**Activity**
Which of the lines in the data below contain the string "IFCRELDEFINESBYTYPE"? Copy each of them.

**Input for this task**
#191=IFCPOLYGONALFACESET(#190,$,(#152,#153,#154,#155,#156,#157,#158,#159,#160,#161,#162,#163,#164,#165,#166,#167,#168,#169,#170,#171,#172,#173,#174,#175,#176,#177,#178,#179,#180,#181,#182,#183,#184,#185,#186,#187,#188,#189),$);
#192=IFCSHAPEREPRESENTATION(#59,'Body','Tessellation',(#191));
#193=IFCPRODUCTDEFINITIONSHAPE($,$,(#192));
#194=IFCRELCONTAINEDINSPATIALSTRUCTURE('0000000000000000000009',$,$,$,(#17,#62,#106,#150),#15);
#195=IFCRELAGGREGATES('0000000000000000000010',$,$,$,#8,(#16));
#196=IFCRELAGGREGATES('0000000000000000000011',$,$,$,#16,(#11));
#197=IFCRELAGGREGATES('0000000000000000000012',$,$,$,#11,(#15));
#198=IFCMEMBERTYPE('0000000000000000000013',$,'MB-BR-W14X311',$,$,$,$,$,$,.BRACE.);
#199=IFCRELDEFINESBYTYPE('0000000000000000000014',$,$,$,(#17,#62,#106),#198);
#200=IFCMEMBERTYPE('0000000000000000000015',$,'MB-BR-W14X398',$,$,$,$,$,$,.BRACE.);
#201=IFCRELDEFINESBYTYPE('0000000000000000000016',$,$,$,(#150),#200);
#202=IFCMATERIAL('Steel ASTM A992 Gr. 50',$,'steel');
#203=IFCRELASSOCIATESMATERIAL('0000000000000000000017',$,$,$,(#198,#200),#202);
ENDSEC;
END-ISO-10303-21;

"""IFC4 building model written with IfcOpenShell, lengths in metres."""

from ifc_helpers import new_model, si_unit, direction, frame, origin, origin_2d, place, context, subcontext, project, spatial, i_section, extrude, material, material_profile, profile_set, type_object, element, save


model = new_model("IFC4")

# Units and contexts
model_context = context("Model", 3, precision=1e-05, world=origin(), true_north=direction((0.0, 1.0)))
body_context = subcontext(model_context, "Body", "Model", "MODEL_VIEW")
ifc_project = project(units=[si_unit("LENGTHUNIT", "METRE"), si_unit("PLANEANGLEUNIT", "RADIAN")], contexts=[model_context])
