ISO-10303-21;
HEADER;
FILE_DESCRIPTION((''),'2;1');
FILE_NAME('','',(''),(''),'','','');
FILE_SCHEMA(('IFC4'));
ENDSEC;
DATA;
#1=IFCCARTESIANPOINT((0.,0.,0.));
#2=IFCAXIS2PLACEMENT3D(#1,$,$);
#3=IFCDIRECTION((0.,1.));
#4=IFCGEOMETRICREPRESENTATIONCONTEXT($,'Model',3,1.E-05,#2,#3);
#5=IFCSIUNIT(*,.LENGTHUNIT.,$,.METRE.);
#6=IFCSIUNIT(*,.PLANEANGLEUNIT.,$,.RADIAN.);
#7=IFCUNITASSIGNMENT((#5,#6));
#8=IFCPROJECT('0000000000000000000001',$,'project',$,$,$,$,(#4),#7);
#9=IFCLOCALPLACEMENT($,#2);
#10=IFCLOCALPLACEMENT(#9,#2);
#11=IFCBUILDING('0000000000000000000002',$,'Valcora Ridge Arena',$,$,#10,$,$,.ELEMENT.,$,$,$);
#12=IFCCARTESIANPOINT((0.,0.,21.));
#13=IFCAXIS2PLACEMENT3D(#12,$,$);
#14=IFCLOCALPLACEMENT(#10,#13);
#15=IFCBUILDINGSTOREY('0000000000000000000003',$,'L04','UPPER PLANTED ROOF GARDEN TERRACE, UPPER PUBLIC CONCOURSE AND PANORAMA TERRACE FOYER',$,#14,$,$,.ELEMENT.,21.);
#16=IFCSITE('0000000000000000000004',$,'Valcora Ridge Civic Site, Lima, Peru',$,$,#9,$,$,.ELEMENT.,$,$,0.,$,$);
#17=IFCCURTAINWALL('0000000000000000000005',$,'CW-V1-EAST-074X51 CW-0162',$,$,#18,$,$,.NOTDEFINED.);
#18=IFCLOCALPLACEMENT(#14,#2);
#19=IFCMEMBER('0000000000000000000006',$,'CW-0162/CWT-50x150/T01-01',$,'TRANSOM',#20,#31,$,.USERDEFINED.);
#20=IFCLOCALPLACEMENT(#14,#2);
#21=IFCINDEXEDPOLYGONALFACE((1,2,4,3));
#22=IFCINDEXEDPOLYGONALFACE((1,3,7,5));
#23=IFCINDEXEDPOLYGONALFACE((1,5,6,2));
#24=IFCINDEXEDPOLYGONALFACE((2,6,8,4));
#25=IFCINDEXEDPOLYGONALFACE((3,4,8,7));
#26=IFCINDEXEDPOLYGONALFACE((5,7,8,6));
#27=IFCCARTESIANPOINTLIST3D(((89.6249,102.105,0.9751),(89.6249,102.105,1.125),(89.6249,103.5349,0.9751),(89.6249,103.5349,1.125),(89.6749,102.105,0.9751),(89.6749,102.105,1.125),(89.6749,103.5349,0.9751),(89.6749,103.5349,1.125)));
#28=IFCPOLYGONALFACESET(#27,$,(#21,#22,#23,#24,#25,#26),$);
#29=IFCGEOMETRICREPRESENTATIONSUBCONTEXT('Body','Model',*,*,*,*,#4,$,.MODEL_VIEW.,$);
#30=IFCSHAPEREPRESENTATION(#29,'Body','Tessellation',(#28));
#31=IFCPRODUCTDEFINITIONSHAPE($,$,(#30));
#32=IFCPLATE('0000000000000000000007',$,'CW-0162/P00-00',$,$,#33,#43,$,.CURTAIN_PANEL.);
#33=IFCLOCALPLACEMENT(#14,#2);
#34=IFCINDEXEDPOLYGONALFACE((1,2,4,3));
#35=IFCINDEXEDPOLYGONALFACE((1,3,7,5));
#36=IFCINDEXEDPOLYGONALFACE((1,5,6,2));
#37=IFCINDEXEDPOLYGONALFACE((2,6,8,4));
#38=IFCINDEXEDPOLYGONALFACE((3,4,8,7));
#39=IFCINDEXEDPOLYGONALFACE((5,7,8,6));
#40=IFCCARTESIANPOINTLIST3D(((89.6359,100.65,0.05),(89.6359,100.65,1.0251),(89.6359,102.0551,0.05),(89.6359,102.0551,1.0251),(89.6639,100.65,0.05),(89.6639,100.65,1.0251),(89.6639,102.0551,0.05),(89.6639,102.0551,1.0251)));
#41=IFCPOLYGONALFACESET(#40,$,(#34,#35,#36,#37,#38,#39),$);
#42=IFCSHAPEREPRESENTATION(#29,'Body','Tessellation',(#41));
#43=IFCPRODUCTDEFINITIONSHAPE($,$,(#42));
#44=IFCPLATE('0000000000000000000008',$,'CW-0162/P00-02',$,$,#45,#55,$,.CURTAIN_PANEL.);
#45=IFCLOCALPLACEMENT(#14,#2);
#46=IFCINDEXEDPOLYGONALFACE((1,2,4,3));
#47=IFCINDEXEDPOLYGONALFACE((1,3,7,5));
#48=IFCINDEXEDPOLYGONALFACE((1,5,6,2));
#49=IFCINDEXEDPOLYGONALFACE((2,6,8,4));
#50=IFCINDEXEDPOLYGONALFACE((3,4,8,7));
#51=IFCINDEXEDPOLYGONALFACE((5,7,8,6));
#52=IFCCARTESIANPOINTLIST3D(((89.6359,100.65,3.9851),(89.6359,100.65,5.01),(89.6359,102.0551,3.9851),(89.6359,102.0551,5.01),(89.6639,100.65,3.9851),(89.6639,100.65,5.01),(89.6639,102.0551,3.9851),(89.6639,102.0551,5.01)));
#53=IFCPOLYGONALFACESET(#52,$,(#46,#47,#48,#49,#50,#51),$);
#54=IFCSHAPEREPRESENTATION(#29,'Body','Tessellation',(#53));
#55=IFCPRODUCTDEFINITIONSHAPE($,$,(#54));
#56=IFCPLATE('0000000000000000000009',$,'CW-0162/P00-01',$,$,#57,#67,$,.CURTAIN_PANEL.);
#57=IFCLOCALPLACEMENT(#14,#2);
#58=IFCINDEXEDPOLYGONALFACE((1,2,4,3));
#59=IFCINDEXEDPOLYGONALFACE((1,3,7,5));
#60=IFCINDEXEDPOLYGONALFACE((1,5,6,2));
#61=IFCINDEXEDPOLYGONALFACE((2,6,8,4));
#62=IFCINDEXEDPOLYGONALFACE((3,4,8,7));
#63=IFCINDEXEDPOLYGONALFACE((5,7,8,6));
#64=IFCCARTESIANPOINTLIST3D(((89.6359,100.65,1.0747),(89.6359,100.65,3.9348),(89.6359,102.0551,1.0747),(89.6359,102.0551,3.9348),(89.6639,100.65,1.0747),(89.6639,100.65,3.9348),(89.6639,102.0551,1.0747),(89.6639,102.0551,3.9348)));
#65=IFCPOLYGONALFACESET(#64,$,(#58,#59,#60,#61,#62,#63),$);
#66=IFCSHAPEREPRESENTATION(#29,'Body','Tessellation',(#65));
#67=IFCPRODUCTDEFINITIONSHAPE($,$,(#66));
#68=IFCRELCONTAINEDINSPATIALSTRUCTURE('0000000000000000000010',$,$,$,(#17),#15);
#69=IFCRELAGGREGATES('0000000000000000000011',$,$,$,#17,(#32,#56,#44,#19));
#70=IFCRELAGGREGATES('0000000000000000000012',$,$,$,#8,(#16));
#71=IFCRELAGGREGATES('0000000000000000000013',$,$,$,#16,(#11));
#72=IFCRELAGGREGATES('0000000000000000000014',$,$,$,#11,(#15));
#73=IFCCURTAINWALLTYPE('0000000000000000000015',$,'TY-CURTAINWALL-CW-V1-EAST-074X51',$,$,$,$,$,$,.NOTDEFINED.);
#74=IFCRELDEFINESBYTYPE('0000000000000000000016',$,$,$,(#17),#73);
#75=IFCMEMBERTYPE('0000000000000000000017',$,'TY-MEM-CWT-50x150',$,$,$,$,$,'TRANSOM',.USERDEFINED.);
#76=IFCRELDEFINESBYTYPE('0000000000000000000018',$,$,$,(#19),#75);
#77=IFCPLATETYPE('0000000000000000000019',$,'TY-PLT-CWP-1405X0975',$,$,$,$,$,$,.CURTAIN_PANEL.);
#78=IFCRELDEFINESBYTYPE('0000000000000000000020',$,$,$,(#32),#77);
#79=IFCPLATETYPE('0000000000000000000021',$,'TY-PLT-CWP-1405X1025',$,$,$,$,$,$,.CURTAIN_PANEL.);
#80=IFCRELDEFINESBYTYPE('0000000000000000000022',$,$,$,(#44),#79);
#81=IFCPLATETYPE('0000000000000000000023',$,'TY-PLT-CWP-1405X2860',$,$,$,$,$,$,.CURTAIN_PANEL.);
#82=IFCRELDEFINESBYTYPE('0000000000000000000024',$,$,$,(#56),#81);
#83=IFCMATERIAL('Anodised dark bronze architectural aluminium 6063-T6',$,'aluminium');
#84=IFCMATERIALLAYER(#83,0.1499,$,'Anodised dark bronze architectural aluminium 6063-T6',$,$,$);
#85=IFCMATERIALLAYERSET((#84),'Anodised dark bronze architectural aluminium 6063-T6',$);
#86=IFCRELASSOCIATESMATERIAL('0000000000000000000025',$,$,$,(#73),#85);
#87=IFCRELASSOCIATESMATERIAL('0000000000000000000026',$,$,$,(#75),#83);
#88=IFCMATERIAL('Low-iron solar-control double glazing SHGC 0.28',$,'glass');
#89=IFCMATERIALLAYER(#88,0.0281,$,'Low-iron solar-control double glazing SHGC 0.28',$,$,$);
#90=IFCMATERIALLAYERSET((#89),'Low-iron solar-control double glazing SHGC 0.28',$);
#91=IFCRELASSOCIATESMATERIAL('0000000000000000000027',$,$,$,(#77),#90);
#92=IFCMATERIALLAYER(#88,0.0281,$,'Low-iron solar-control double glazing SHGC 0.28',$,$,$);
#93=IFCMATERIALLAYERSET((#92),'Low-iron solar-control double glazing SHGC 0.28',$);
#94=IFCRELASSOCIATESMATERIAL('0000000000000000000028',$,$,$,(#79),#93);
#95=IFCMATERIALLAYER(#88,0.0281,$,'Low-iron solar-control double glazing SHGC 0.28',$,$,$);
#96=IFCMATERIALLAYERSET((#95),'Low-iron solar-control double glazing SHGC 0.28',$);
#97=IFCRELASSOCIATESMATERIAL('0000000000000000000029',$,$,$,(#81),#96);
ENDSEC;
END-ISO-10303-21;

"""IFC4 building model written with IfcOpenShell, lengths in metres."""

from ifc_helpers import new_model, si_unit, direction, frame, origin, origin_2d, place, context, subcontext, project, spatial, rectangle, extrude, material, layer, layer_set, material_profile, profile_set, type_object, element, aggregate, save


model = new_model("IFC4")

# Units and contexts
model_context = context("Model", 3, precision=1e-05, world=origin(), true_north=direction((0.0, 1.0)))
body_context = subcontext(model_context, "Body", "Model", "MODEL_VIEW")
ifc_project = project(units=[si_unit("LENGTHUNIT", "METRE"), si_unit("PLANEANGLEUNIT", "RADIAN")], contexts=[model_context])

# Site, building, storey
site_placement = place(None, origin())
site = spatial("IfcSite", under=ifc_project, at=site_placement, Name="Valcora Ridge Civic Site, Lima, Peru", CompositionType="ELEMENT", RefElevation=0.0)
building_placement = place(site_placement, origin())
building = spatial("IfcBuilding", under=site, at=building_placement, Name="Valcora Ridge Arena", CompositionType="ELEMENT")
storey_placement = place(building_placement, frame((0.0, 0.0, 21.0)))
storey = spatial("IfcBuildingStorey", under=building, at=storey_placement, Name="L04", Description="UPPER PLANTED ROOF GARDEN TERRACE, UPPER PUBLIC CONCOURSE AND PANORAMA TERRACE FOYER", CompositionType="ELEMENT", Elevation=21.0)

# Curtain wall, member, plates
ifc_material_1 = material(Name="Anodised dark bronze architectural aluminium 6063-T6", Category="aluminium")
ifc_layer_1 = layer(ifc_material_1, 0.1499, Name="Anodised dark bronze architectural aluminium 6063-T6")
ifc_layer_set_1 = layer_set([ifc_layer_1], Name="Anodised dark bronze architectural aluminium 6063-T6")
curtain_wall_type = type_object("IfcCurtainWallType", Name="TY-CURTAINWALL-CW-V1-EAST-074X51", PredefinedType="NOTDEFINED", material=ifc_layer_set_1)
curtain_wall_placement = place(storey_placement, origin())
curtain_wall = element("IfcCurtainWall", 1, at=curtain_wall_placement, inside=storey, type_object=curtain_wall_type, Name="CW-V1-EAST-074X51 CW-0162", PredefinedType="NOTDEFINED")
ifc_material_profile_1 = material_profile(ifc_material_1, rectangle(XDim=0.05, YDim=0.1499, at=origin_2d()), Name="ALU TRANSOM 50x150")
ifc_profile_set_1 = profile_set([ifc_material_profile_1], Name="Anodised dark bronze architectural aluminium 6063-T6")
member_type_1 = type_object("IfcMemberType", Name="TY-MEM-CWT-50x150", ElementType="TRANSOM", PredefinedType="USERDEFINED", material=ifc_profile_set_1)
member_1_placement = place(storey_placement, frame((89.6499, 102.105, 1.05), z_axis=(0.0, 1.0, 0.0), x_axis=(-1.0, 0.0, 0.0)))
member_1 = element("IfcMember", 2, at=member_1_placement, type_object=member_type_1, Name="CW-0162/CWT-50x150/T01-01", ObjectType="TRANSOM", PredefinedType="USERDEFINED", context=body_context, shape_type="SweptSolid", body=[
    extrude(rectangle(XDim=0.05, YDim=0.1499, at=origin_2d()), origin(), (0.0, 0.0, 1.0), 1.4299),
])
ifc_material_2 = material(Name="Low-iron solar-control double glazing SHGC 0.28", Category="glass")
ifc_layer_2 = layer(ifc_material_2, 0.0281, Name="Low-iron solar-control double glazing SHGC 0.28")
ifc_layer_set_2 = layer_set([ifc_layer_2], Name="Low-iron solar-control double glazing SHGC 0.28")
plate_type_1 = type_object("IfcPlateType", Name="TY-PLT-CWP-1405X0975", PredefinedType="CURTAIN_PANEL", material=ifc_layer_set_2)
plate_1_placement = place(storey_placement, frame((89.6499, 101.3525, 0.05), z_axis=(0.0, 0.0, 1.0), x_axis=(0.0, 1.0, 0.0)))
plate_1 = element("IfcPlate", 3, at=plate_1_placement, type_object=plate_type_1, Name="CW-0162/P00-00", PredefinedType="CURTAIN_PANEL", context=body_context, shape_type="SweptSolid", body=[
    extrude(rectangle(XDim=1.405, YDim=0.0281, at=origin_2d()), origin(), (0.0, 0.0, 1.0), 0.9751),
])
ifc_layer_3 = layer(ifc_material_2, 0.0281, Name="Low-iron solar-control double glazing SHGC 0.28")
ifc_layer_set_3 = layer_set([ifc_layer_3], Name="Low-iron solar-control double glazing SHGC 0.28")
plate_type_2 = type_object("IfcPlateType", Name="TY-PLT-CWP-1405X1025", PredefinedType="CURTAIN_PANEL", material=ifc_layer_set_3)
plate_2_placement = place(storey_placement, frame((89.6499, 101.3525, 3.9851), z_axis=(0.0, 0.0, 1.0), x_axis=(0.0, 1.0, 0.0)))
plate_2 = element("IfcPlate", 4, at=plate_2_placement, type_object=plate_type_2, Name="CW-0162/P00-02", PredefinedType="CURTAIN_PANEL", context=body_context, shape_type="SweptSolid", body=[
    extrude(rectangle(XDim=1.405, YDim=0.0281, at=origin_2d()), origin(), (0.0, 0.0, 1.0), 1.0249),
])
ifc_layer_4 = layer(ifc_material_2, 0.0281, Name="Low-iron solar-control double glazing SHGC 0.28")
ifc_layer_set_4 = layer_set([ifc_layer_4], Name="Low-iron solar-control double glazing SHGC 0.28")
plate_type_3 = type_object("IfcPlateType", Name="TY-PLT-CWP-1405X2860", PredefinedType="CURTAIN_PANEL", material=ifc_layer_set_4)
plate_3_placement = place(storey_placement, frame((89.6499, 101.3525, 1.0747), z_axis=(0.0, 0.0, 1.0), x_axis=(0.0, 1.0, 0.0)))
plate_3 = element("IfcPlate", 5, at=plate_3_placement, type_object=plate_type_3, Name="CW-0162/P00-01", PredefinedType="CURTAIN_PANEL", context=body_context, shape_type="SweptSolid", body=[
    extrude(rectangle(XDim=1.405, YDim=0.0281, at=origin_2d()), origin(), (0.0, 0.0, 1.0), 2.8601),
])
aggregate(curtain_wall, [plate_1, plate_3, plate_2, member_1])

save(model, "model.ifc")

**Solved problem**
#199=IFCRELDEFINESBYTYPE('0000000000000000000014',$,$,$,(#17,#62,#106),#198);
#201=IFCRELDEFINESBYTYPE('0000000000000000000016',$,$,$,(#150),#200);
#74=IFCRELDEFINESBYTYPE('0000000000000000000016',$,$,$,(#17),#73);
#76=IFCRELDEFINESBYTYPE('0000000000000000000018',$,$,$,(#19),#75);
#78=IFCRELDEFINESBYTYPE('0000000000000000000020',$,$,$,(#32),#77);
#80=IFCRELDEFINESBYTYPE('0000000000000000000022',$,$,$,(#44),#79);
#82=IFCRELDEFINESBYTYPE('0000000000000000000024',$,$,$,(#56),#81);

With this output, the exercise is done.